[Work task] Would you please transcribe, exactly as written, the lines of the entries below starting at the one that holds "FILE_NAME('','',(''),(''),'','','');" and ending at the one that holds "#10=IFCLOCALPLACEMENT(#9,#2);", both included?

[Collected data entries]
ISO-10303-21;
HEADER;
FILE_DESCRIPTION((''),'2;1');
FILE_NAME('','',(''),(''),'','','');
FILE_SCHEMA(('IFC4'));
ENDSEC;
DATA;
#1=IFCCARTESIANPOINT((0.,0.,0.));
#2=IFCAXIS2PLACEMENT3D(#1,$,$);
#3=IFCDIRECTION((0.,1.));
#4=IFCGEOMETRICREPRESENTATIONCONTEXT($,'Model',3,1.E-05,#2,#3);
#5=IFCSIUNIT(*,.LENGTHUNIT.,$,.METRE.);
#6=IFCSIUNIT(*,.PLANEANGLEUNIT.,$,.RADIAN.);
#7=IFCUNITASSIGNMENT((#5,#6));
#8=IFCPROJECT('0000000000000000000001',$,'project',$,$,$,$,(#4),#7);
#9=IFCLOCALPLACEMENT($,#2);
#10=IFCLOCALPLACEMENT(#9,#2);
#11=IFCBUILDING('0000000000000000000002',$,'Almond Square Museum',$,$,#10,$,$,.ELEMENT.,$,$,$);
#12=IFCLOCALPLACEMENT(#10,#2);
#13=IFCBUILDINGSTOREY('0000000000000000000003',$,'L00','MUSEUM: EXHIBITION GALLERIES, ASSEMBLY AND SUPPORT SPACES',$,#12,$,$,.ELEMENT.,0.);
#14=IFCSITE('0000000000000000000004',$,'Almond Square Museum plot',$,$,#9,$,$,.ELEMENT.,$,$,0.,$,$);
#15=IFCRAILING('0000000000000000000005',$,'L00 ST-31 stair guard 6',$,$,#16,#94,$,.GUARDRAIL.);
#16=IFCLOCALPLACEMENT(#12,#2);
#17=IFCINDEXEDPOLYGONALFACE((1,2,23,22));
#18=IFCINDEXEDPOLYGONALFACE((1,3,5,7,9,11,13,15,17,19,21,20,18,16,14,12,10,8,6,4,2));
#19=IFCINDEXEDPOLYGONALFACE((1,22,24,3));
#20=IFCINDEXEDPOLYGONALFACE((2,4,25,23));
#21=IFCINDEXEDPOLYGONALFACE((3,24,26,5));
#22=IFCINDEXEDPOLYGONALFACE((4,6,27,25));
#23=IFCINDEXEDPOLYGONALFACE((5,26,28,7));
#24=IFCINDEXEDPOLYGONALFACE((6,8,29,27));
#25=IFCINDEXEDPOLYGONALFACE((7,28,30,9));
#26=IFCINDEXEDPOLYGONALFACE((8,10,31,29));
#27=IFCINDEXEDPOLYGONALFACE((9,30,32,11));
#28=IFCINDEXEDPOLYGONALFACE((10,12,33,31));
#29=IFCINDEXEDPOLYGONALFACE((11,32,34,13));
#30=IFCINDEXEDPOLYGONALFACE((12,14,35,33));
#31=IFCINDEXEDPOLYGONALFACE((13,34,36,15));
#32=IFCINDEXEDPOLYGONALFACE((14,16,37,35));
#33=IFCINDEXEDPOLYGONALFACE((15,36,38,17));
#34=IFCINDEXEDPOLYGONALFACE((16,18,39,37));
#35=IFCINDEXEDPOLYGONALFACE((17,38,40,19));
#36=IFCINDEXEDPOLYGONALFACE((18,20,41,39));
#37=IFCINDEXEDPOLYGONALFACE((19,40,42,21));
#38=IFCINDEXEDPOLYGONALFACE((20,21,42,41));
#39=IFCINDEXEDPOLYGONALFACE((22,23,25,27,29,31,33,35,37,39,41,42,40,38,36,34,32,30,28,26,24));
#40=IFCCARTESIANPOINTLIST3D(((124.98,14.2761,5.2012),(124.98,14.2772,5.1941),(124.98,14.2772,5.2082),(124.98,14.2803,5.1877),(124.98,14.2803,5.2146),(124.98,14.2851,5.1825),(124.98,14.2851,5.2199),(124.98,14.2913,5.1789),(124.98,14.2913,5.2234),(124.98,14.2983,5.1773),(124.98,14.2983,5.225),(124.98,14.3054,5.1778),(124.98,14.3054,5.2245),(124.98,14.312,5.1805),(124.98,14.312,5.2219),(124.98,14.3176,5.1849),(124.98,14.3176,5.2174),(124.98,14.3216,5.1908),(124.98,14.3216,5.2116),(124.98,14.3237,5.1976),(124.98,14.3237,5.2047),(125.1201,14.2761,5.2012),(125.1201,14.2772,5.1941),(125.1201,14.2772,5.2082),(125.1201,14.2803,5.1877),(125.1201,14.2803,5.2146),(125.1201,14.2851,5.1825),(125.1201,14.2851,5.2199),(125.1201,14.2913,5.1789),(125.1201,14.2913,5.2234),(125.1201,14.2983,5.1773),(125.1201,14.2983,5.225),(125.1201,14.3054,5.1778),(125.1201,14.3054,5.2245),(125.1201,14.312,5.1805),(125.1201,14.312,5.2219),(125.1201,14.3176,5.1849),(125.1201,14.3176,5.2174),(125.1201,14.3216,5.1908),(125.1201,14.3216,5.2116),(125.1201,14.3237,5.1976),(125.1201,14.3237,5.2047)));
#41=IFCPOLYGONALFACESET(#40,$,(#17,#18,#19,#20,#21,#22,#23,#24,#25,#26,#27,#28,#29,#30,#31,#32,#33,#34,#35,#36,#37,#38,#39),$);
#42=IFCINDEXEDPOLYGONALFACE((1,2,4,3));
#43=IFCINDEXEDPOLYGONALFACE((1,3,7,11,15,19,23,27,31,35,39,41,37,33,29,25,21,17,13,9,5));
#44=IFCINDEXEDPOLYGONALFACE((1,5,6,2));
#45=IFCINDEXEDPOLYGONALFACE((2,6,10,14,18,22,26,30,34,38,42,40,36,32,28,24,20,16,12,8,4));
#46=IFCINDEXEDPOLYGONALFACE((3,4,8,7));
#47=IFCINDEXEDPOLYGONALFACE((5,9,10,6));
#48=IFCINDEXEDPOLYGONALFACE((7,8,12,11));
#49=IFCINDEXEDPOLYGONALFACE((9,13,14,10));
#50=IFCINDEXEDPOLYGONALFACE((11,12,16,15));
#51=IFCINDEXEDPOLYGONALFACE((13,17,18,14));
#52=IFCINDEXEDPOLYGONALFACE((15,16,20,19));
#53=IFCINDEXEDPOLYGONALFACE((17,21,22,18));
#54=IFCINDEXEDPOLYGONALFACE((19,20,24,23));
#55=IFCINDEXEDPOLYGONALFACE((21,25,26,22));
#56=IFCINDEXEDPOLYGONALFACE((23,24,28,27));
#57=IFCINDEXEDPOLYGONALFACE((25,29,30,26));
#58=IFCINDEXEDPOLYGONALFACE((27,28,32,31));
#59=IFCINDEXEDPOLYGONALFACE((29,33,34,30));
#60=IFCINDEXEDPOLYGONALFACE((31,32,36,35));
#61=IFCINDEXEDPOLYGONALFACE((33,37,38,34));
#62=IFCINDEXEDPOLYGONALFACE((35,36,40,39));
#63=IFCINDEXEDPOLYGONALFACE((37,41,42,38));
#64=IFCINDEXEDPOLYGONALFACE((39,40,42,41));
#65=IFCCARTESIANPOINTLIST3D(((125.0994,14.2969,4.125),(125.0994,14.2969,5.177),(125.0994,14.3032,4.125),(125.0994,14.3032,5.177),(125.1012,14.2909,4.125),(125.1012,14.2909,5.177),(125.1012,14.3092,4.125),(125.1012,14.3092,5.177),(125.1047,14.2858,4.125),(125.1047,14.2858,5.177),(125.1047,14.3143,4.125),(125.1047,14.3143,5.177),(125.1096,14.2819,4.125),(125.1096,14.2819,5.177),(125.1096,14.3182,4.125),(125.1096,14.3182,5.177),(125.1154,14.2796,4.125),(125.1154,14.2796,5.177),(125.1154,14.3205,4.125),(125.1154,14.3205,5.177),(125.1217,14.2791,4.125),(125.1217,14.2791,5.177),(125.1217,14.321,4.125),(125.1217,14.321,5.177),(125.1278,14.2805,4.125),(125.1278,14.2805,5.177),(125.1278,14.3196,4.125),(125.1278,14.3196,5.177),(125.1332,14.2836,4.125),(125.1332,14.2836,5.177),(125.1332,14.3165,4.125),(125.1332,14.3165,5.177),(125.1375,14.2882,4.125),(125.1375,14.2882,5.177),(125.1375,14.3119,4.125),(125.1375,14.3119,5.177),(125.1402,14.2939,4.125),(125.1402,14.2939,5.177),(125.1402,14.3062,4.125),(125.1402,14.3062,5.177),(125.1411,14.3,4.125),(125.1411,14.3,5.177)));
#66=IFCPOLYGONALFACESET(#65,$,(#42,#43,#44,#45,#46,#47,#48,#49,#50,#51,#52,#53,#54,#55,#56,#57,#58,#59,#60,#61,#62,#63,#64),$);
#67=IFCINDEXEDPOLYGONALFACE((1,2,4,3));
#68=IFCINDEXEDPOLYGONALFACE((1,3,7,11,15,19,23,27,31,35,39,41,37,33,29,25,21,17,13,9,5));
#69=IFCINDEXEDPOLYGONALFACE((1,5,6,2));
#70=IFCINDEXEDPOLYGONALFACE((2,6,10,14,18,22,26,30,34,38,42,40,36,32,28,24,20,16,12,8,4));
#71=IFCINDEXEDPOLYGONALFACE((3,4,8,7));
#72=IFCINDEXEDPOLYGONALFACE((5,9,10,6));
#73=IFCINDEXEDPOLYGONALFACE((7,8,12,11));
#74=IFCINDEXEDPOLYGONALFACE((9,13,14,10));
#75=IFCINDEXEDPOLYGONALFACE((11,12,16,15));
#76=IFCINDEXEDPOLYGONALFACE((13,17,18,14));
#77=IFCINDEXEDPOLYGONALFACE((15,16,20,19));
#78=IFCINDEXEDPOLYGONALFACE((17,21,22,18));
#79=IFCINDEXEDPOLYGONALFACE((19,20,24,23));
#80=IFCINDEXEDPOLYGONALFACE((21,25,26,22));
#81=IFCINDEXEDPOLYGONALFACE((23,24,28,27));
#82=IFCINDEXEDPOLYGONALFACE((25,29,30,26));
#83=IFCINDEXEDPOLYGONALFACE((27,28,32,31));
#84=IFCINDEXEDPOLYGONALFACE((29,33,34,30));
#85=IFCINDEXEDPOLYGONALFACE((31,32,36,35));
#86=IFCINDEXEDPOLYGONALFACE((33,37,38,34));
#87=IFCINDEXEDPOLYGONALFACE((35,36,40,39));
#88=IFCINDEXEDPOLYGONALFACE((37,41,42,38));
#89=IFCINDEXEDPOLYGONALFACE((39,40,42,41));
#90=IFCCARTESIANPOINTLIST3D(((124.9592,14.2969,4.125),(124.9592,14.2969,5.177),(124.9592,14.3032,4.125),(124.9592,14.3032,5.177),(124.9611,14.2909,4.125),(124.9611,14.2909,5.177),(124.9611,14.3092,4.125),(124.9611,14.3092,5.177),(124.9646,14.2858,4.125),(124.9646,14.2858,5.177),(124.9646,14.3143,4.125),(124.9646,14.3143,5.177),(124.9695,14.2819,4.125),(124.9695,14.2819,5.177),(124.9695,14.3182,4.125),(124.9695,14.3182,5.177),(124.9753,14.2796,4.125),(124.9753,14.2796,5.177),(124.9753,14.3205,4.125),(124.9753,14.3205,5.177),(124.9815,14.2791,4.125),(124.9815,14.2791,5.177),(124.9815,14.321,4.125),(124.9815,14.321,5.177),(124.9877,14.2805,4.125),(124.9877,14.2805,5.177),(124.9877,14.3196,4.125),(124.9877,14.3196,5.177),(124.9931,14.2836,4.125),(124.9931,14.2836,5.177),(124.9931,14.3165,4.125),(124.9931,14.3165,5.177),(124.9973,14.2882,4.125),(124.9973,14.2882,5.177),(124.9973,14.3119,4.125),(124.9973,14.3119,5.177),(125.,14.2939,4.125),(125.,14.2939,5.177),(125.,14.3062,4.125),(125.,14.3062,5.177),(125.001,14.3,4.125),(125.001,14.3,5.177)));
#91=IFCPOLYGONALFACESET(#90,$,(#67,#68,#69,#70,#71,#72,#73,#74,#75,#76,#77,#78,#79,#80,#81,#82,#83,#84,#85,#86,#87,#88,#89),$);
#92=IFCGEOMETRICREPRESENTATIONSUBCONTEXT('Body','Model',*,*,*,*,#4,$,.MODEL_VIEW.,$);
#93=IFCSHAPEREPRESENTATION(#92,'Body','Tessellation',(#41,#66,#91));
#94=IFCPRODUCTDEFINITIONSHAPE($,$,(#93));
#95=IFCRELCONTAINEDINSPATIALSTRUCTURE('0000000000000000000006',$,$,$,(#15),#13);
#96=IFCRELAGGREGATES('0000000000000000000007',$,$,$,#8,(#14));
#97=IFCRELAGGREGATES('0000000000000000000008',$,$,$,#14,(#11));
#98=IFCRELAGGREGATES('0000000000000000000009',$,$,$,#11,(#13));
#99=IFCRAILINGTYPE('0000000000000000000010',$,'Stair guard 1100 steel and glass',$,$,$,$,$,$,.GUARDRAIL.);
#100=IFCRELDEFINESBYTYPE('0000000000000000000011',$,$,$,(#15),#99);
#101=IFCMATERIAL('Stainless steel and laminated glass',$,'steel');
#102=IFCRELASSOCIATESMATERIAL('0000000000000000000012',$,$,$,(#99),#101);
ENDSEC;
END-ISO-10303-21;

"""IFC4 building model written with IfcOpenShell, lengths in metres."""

from ifc_helpers import new_model, si_unit, direction, frame, origin, origin_2d, place, context, subcontext, project, spatial, circle, extrude, material, type_object, element, save


model = new_model("IFC4")

# Units and contexts
model_context = context("Model", 3, precision=1e-05, world=origin(), true_north=direction((0.0, 1.0)))
body_context = subcontext(model_context, "Body", "Model", "MODEL_VIEW")
ifc_project = project(units=[si_unit("LENGTHUNIT", "METRE"), si_unit("PLANEANGLEUNIT", "RADIAN")], contexts=[model_context])

# Site, building, storey
site_placement = place(None, origin())
site = spatial("IfcSite", under=ifc_project, at=site_placement, Name="Almond Square Museum plot", CompositionType="ELEMENT", RefElevation=0.0)
building_placement = place(site_placement, origin())
building = spatial("IfcBuilding", under=site, at=building_placement, Name="Almond Square Museum", CompositionType="ELEMENT")
storey_placement = place(building_placement, origin())
storey = spatial("IfcBuildingStorey", under=building, at=storey_placement, Name="L00", Description="MUSEUM: EXHIBITION GALLERIES, ASSEMBLY AND SUPPORT SPACES", CompositionType="ELEMENT", Elevation=0.0)

# Railing
ifc_material_1 = material(Name="Stainless steel and laminated glass", Category="steel")
railing_type_1 = type_object("IfcRailingType", Name="Stair guard 1100 steel and glass", PredefinedType="GUARDRAIL", material=ifc_material_1)
railing_1_placement = place(storey_placement, frame((125.1201, 14.3, 4.125)))
element("IfcRailing", 1, at=railing_1_placement, inside=storey, type_object=railing_type_1, Name="L00 ST-31 stair guard 6", PredefinedType="GUARDRAIL", context=body_context, shape_type="SweptSolid", body=[
    extrude(circle(Radius=0.0239, at=origin_2d()), frame((0.0, 0.0, 1.0762), z_axis=(-1.0, 0.0, 0.0), x_axis=(0.0, -1.0, 0.0)), (0.0, 0.0, 1.0), 0.1401),
    extrude(circle(Radius=0.021, at=origin_2d()), origin(), (0.0, 0.0, 1.0), 1.052),
    extrude(circle(Radius=0.021, at=origin_2d()), frame((-0.1401, 0.0, 0.0)), (0.0, 0.0, 1.0), 1.052),
])

save(model, "model.ifc")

[Response to the exercise]
FILE_NAME('','',(''),(''),'','','');
FILE_SCHEMA(('IFC4'));
ENDSEC;
DATA;
#1=IFCCARTESIANPOINT((0.,0.,0.));
#2=IFCAXIS2PLACEMENT3D(#1,$,$);
#3=IFCDIRECTION((0.,1.));
#4=IFCGEOMETRICREPRESENTATIONCONTEXT($,'Model',3,1.E-05,#2,#3);
#5=IFCSIUNIT(*,.LENGTHUNIT.,$,.METRE.);
#6=IFCSIUNIT(*,.PLANEANGLEUNIT.,$,.RADIAN.);
#7=IFCUNITASSIGNMENT((#5,#6));
#8=IFCPROJECT('0000000000000000000001',$,'project',$,$,$,$,(#4),#7);
#9=IFCLOCALPLACEMENT($,#2);
#10=IFCLOCALPLACEMENT(#9,#2);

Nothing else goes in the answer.